- About this task -
Whenever a line below holds the word "subcontext", copy that line.

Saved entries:
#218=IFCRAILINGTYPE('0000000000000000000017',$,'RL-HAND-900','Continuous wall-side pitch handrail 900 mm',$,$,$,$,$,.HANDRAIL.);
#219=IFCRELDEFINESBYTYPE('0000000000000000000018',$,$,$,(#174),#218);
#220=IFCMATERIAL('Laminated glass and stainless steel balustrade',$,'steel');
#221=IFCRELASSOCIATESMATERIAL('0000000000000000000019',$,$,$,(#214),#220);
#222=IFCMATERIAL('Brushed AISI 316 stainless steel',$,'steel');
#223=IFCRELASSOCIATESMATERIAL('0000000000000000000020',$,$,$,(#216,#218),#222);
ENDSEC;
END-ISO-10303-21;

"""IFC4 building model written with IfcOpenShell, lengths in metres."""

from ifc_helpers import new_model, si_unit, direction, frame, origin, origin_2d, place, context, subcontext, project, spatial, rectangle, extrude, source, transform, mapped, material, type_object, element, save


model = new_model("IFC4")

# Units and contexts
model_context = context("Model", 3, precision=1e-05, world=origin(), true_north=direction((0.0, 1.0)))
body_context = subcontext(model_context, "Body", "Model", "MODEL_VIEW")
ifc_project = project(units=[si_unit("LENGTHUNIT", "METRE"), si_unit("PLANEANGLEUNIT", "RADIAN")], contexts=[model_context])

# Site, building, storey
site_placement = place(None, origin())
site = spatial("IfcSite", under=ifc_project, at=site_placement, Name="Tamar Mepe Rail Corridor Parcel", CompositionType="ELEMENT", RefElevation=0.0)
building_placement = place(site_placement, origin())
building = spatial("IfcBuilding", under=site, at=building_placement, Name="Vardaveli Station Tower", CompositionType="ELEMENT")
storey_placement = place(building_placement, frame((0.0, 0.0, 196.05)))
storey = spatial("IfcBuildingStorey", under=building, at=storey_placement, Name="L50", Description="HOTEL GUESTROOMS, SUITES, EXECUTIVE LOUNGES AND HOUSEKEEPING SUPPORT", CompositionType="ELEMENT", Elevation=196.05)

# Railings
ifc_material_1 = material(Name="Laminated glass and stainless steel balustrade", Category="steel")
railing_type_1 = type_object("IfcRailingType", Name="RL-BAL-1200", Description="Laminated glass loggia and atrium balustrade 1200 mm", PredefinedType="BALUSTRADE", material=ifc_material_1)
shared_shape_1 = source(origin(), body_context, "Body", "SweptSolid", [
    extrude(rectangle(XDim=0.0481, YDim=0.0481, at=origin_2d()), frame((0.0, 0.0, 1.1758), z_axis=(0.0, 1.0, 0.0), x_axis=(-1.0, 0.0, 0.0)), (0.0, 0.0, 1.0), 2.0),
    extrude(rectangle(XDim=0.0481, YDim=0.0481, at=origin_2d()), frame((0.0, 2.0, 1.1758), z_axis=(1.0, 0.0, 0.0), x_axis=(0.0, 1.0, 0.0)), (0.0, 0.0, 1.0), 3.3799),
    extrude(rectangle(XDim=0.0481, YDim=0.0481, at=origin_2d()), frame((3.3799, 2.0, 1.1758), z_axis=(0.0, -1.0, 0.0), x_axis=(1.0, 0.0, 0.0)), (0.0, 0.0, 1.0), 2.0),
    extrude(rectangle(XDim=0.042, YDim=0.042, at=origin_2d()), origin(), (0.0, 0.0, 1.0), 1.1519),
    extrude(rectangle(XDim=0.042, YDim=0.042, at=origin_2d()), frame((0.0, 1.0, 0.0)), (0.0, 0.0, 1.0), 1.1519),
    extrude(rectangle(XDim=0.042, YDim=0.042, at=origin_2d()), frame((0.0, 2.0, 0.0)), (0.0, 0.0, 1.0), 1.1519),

- Task output -
from ifc_helpers import new_model, si_unit, direction, frame, origin, origin_2d, place, context, subcontext, project, spatial, rectangle, extrude, source, transform, mapped, material, type_object, element, save
body_context = subcontext(model_context, "Body", "Model", "MODEL_VIEW")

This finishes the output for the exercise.